### Material to process

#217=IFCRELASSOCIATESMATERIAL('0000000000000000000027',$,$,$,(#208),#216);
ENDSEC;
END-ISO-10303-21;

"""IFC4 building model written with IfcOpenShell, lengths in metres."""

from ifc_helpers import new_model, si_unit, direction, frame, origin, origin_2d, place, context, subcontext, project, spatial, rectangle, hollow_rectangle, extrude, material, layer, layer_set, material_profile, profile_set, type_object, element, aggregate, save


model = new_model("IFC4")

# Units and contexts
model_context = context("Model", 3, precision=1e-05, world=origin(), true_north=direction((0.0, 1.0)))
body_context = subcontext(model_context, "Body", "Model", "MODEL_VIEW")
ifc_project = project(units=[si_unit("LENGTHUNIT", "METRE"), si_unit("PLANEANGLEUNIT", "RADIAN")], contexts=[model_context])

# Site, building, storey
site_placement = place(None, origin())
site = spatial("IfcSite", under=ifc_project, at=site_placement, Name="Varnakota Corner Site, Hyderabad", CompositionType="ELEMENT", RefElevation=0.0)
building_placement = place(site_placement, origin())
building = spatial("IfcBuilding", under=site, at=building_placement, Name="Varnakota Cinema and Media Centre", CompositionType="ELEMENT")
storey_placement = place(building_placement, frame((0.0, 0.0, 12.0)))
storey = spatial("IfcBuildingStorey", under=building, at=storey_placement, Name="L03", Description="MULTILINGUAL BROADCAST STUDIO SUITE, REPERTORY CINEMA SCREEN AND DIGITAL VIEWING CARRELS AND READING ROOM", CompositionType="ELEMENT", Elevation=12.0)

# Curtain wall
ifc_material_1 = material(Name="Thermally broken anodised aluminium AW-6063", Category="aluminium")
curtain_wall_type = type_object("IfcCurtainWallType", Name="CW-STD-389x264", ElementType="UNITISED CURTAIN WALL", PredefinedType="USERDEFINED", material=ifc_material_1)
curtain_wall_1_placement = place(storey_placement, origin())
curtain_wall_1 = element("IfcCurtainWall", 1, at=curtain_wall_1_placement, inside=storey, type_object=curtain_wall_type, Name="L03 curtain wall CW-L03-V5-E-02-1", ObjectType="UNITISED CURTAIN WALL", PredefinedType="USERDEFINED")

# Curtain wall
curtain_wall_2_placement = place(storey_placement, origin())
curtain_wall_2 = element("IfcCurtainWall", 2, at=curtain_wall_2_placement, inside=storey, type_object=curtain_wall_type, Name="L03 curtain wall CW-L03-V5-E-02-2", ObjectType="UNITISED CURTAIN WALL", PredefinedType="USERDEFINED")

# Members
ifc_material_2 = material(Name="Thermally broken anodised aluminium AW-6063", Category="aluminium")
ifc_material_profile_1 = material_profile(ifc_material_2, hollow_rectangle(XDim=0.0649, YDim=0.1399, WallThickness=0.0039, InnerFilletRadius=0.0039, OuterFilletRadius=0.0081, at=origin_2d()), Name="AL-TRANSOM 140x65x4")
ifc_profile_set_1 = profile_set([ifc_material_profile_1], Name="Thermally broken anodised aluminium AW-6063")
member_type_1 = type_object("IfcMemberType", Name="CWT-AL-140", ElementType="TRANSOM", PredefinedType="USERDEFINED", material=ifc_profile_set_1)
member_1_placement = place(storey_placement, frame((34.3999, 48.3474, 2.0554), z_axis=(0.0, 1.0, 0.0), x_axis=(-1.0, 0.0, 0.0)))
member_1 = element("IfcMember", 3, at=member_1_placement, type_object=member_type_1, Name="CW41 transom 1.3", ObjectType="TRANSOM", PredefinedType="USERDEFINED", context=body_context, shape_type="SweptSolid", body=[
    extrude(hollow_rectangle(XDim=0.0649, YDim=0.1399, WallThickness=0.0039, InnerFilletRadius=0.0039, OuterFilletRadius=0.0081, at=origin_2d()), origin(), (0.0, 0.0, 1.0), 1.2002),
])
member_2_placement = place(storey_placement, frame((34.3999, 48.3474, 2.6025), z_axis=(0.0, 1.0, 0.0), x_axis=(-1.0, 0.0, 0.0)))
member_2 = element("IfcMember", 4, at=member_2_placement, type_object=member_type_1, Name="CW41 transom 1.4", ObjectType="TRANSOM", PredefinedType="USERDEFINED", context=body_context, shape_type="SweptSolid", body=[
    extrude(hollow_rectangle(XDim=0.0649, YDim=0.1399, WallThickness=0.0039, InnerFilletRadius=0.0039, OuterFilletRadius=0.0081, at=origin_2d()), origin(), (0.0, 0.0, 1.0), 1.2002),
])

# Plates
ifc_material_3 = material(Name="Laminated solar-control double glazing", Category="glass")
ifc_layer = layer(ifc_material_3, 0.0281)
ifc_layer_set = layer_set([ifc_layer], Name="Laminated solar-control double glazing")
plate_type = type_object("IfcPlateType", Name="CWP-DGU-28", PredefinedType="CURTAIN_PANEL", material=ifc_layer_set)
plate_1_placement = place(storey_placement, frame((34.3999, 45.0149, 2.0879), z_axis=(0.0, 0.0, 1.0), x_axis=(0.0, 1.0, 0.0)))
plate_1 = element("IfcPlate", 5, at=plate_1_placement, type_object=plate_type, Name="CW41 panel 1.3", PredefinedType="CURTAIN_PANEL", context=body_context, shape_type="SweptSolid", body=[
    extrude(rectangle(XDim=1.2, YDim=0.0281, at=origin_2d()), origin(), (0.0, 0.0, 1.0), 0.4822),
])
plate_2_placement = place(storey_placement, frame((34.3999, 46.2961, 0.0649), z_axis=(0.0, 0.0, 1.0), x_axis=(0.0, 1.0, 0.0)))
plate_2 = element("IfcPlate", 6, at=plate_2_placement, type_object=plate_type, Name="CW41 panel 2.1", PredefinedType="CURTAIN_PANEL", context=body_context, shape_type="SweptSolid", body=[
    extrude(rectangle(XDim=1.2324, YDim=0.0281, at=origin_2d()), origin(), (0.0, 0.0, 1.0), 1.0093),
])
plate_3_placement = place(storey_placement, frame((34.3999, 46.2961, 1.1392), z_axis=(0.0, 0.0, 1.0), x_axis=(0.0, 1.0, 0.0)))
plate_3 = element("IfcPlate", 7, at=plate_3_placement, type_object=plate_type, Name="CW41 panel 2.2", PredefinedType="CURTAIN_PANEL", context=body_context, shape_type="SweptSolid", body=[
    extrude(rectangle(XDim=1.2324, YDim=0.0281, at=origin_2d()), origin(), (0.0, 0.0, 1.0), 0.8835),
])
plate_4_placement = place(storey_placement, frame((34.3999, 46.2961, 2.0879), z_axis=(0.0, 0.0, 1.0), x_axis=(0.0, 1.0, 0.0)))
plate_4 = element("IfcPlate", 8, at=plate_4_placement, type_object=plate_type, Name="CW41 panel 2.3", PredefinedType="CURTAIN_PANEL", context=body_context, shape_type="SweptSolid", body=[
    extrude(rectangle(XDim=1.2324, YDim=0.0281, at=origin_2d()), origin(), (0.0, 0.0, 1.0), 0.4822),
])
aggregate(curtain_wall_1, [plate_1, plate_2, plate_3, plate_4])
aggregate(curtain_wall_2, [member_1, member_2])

######
### Material to process

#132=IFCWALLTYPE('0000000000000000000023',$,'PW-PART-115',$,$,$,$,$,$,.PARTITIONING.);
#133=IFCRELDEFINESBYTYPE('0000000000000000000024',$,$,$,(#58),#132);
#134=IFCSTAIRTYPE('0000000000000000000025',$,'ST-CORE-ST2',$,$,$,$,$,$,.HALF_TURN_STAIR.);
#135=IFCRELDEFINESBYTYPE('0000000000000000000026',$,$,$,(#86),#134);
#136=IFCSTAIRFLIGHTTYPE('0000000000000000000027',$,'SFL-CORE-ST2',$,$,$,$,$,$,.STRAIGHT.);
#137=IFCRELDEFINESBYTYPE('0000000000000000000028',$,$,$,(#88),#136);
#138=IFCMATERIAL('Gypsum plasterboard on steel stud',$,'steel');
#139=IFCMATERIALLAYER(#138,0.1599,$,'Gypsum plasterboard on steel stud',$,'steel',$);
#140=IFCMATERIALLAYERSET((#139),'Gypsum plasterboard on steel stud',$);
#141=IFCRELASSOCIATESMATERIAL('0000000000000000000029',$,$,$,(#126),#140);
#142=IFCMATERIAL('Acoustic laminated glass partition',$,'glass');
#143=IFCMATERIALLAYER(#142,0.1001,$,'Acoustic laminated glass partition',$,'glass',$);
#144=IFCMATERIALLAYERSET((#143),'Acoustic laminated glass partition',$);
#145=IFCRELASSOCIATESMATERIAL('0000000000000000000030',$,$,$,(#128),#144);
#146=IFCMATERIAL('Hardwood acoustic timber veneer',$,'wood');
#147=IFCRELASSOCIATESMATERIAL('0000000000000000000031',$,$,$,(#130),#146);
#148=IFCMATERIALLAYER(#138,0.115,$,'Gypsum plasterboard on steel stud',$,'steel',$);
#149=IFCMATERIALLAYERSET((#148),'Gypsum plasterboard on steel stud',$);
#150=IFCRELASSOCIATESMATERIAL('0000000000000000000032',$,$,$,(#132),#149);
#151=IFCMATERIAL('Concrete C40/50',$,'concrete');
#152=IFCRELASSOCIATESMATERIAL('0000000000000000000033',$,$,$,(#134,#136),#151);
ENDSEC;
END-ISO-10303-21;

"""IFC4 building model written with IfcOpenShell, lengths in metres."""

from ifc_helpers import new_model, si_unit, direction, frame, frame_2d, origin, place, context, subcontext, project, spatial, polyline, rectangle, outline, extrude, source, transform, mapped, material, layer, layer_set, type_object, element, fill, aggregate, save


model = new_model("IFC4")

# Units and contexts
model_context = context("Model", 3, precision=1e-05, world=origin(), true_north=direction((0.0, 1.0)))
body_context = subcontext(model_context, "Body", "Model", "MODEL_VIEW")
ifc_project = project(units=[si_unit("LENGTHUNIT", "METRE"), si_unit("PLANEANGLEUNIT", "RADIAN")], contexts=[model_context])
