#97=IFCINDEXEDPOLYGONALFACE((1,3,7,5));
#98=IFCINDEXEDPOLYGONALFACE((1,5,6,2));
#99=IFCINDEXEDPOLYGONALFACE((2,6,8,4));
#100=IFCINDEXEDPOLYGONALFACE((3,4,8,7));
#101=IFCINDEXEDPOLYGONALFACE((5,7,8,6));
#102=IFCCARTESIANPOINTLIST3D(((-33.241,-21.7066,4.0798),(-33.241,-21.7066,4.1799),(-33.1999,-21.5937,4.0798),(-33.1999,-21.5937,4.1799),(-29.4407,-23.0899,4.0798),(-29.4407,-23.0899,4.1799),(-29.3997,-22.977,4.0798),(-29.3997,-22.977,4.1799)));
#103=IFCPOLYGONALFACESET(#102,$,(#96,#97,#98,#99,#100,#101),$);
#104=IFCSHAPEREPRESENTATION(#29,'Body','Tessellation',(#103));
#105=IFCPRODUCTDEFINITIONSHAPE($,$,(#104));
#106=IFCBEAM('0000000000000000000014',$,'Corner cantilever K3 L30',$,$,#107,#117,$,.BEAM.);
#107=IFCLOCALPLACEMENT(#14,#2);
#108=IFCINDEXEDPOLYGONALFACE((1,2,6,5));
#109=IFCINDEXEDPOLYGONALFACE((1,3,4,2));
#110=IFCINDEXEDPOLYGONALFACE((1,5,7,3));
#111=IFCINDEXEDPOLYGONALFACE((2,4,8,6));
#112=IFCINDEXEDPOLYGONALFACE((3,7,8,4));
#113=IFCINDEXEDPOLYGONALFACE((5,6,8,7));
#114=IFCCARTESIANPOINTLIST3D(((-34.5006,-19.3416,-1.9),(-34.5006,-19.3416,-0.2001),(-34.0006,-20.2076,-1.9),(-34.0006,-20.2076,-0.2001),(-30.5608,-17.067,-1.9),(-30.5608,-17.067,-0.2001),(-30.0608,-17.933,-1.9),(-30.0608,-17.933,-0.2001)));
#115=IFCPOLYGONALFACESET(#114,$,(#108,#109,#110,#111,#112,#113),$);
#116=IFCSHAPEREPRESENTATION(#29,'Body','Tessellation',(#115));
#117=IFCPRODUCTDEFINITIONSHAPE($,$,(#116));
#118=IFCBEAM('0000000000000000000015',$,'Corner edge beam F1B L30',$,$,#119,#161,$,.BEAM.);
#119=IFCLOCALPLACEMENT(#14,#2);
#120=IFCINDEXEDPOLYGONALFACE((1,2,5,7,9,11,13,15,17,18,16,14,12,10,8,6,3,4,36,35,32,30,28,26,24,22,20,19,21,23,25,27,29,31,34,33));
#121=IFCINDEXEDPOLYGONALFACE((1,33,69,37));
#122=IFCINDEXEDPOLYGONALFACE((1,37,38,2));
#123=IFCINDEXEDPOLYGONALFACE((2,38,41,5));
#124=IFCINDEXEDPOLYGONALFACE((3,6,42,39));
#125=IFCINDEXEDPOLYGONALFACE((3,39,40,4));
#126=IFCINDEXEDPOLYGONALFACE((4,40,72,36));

######

What to produce: Retype only the lines above between the line with "1.1392), z_axis=(0.0, 0.0, 1.0), x_axis=(0.0, 1.0, 0.0)))" and the line with "aggregate(curtain_wall_2, [member_1, member_2])", counting those two lines as well, and keep every character as it is.

Solution below:
plate_3_placement = place(storey_placement, frame((34.3999, 46.2961, 1.1392), z_axis=(0.0, 0.0, 1.0), x_axis=(0.0, 1.0, 0.0)))
plate_3 = element("IfcPlate", 7, at=plate_3_placement, type_object=plate_type, Name="CW41 panel 2.2", PredefinedType="CURTAIN_PANEL", context=body_context, shape_type="SweptSolid", body=[
    extrude(rectangle(XDim=1.2324, YDim=0.0281, at=origin_2d()), origin(), (0.0, 0.0, 1.0), 0.8835),
])
plate_4_placement = place(storey_placement, frame((34.3999, 46.2961, 2.0879), z_axis=(0.0, 0.0, 1.0), x_axis=(0.0, 1.0, 0.0)))
plate_4 = element("IfcPlate", 8, at=plate_4_placement, type_object=plate_type, Name="CW41 panel 2.3", PredefinedType="CURTAIN_PANEL", context=body_context, shape_type="SweptSolid", body=[
    extrude(rectangle(XDim=1.2324, YDim=0.0281, at=origin_2d()), origin(), (0.0, 0.0, 1.0), 0.4822),
])
aggregate(curtain_wall_1, [plate_1, plate_2, plate_3, plate_4])
aggregate(curtain_wall_2, [member_1, member_2])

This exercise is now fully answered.